WHAT IS BEING ASKED: Word for word, print every entry below.

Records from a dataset

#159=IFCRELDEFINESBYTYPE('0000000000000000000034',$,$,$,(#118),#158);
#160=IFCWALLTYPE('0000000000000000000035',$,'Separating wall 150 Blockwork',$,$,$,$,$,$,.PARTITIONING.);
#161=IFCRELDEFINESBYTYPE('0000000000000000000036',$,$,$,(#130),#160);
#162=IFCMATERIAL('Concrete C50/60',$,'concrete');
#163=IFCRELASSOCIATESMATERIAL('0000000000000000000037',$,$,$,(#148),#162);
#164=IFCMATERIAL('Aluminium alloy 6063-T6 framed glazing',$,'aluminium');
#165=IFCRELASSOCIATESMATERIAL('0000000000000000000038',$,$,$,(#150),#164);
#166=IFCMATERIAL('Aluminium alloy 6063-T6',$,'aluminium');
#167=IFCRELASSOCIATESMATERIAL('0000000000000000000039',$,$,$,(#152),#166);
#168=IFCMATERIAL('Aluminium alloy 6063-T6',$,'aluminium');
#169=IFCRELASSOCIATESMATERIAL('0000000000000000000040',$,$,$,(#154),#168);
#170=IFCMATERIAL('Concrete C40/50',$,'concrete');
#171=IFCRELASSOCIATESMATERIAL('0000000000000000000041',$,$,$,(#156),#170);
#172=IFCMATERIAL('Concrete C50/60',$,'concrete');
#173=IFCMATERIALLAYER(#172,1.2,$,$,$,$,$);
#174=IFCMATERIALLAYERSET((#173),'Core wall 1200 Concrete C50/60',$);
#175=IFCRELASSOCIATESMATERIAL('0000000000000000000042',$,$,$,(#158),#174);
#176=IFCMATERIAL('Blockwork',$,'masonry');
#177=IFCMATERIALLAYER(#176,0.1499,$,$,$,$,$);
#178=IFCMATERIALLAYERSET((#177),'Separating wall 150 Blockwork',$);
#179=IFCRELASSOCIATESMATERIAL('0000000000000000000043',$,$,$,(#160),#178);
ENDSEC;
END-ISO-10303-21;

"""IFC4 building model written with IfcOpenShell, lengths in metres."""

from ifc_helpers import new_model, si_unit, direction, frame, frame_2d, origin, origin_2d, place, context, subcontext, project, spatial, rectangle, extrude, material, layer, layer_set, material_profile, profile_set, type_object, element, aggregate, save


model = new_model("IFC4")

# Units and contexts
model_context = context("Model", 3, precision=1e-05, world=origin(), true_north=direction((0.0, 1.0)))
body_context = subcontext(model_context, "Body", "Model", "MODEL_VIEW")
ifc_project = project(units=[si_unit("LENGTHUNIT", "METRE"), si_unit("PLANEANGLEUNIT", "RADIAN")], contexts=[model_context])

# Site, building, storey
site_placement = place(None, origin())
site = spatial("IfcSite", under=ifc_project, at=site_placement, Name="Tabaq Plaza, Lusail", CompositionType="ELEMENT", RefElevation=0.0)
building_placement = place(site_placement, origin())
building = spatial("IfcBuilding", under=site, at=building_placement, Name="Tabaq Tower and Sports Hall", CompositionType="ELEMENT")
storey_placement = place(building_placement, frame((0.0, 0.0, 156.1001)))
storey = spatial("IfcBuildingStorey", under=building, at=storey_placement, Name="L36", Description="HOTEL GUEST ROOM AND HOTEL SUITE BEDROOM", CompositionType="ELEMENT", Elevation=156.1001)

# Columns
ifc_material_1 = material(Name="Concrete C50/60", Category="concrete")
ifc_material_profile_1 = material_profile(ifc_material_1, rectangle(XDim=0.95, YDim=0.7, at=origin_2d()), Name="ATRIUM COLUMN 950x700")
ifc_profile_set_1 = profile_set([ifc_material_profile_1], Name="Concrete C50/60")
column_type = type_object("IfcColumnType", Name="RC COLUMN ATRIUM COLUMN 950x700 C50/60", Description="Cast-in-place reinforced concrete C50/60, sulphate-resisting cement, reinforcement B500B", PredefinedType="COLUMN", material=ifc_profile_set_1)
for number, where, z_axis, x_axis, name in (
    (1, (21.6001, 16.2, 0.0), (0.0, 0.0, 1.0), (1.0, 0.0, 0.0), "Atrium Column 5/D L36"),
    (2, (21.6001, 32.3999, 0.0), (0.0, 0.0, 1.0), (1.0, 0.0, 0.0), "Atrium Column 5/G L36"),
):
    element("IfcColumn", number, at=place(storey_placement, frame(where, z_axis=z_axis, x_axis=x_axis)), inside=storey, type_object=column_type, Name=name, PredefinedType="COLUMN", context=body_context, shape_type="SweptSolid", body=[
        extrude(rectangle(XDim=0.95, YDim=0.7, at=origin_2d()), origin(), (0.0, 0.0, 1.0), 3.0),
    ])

RESULT OF THE EXERCISE:
#159=IFCRELDEFINESBYTYPE('0000000000000000000034',$,$,$,(#118),#158);
#160=IFCWALLTYPE('0000000000000000000035',$,'Separating wall 150 Blockwork',$,$,$,$,$,$,.PARTITIONING.);
#161=IFCRELDEFINESBYTYPE('0000000000000000000036',$,$,$,(#130),#160);
#162=IFCMATERIAL('Concrete C50/60',$,'concrete');
#163=IFCRELASSOCIATESMATERIAL('0000000000000000000037',$,$,$,(#148),#162);
#164=IFCMATERIAL('Aluminium alloy 6063-T6 framed glazing',$,'aluminium');
#165=IFCRELASSOCIATESMATERIAL('0000000000000000000038',$,$,$,(#150),#164);
#166=IFCMATERIAL('Aluminium alloy 6063-T6',$,'aluminium');
#167=IFCRELASSOCIATESMATERIAL('0000000000000000000039',$,$,$,(#152),#166);
#168=IFCMATERIAL('Aluminium alloy 6063-T6',$,'aluminium');
#169=IFCRELASSOCIATESMATERIAL('0000000000000000000040',$,$,$,(#154),#168);
#170=IFCMATERIAL('Concrete C40/50',$,'concrete');
#171=IFCRELASSOCIATESMATERIAL('0000000000000000000041',$,$,$,(#156),#170);
#172=IFCMATERIAL('Concrete C50/60',$,'concrete');
#173=IFCMATERIALLAYER(#172,1.2,$,$,$,$,$);
#174=IFCMATERIALLAYERSET((#173),'Core wall 1200 Concrete C50/60',$);
#175=IFCRELASSOCIATESMATERIAL('0000000000000000000042',$,$,$,(#158),#174);
#176=IFCMATERIAL('Blockwork',$,'masonry');
#177=IFCMATERIALLAYER(#176,0.1499,$,$,$,$,$);
#178=IFCMATERIALLAYERSET((#177),'Separating wall 150 Blockwork',$);
#179=IFCRELASSOCIATESMATERIAL('0000000000000000000043',$,$,$,(#160),#178);
ENDSEC;
END-ISO-10303-21;

"""IFC4 building model written with IfcOpenShell, lengths in metres."""

from ifc_helpers import new_model, si_unit, direction, frame, frame_2d, origin, origin_2d, place, context, subcontext, project, spatial, rectangle, extrude, material, layer, layer_set, material_profile, profile_set, type_object, element, aggregate, save


model = new_model("IFC4")

# Units and contexts
model_context = context("Model", 3, precision=1e-05, world=origin(), true_north=direction((0.0, 1.0)))
body_context = subcontext(model_context, "Body", "Model", "MODEL_VIEW")
ifc_project = project(units=[si_unit("LENGTHUNIT", "METRE"), si_unit("PLANEANGLEUNIT", "RADIAN")], contexts=[model_context])

# Site, building, storey
site_placement = place(None, origin())
site = spatial("IfcSite", under=ifc_project, at=site_placement, Name="Tabaq Plaza, Lusail", CompositionType="ELEMENT", RefElevation=0.0)
building_placement = place(site_placement, origin())
building = spatial("IfcBuilding", under=site, at=building_placement, Name="Tabaq Tower and Sports Hall", CompositionType="ELEMENT")
storey_placement = place(building_placement, frame((0.0, 0.0, 156.1001)))
storey = spatial("IfcBuildingStorey", under=building, at=storey_placement, Name="L36", Description="HOTEL GUEST ROOM AND HOTEL SUITE BEDROOM", CompositionType="ELEMENT", Elevation=156.1001)

# Columns
ifc_material_1 = material(Name="Concrete C50/60", Category="concrete")
ifc_material_profile_1 = material_profile(ifc_material_1, rectangle(XDim=0.95, YDim=0.7, at=origin_2d()), Name="ATRIUM COLUMN 950x700")
ifc_profile_set_1 = profile_set([ifc_material_profile_1], Name="Concrete C50/60")
column_type = type_object("IfcColumnType", Name="RC COLUMN ATRIUM COLUMN 950x700 C50/60", Description="Cast-in-place reinforced concrete C50/60, sulphate-resisting cement, reinforcement B500B", PredefinedType="COLUMN", material=ifc_profile_set_1)
for number, where, z_axis, x_axis, name in (
    (1, (21.6001, 16.2, 0.0), (0.0, 0.0, 1.0), (1.0, 0.0, 0.0), "Atrium Column 5/D L36"),
    (2, (21.6001, 32.3999, 0.0), (0.0, 0.0, 1.0), (1.0, 0.0, 0.0), "Atrium Column 5/G L36"),
):
    element("IfcColumn", number, at=place(storey_placement, frame(where, z_axis=z_axis, x_axis=x_axis)), inside=storey, type_object=column_type, Name=name, PredefinedType="COLUMN", context=body_context, shape_type="SweptSolid", body=[
        extrude(rectangle(XDim=0.95, YDim=0.7, at=origin_2d()), origin(), (0.0, 0.0, 1.0), 3.0),
    ])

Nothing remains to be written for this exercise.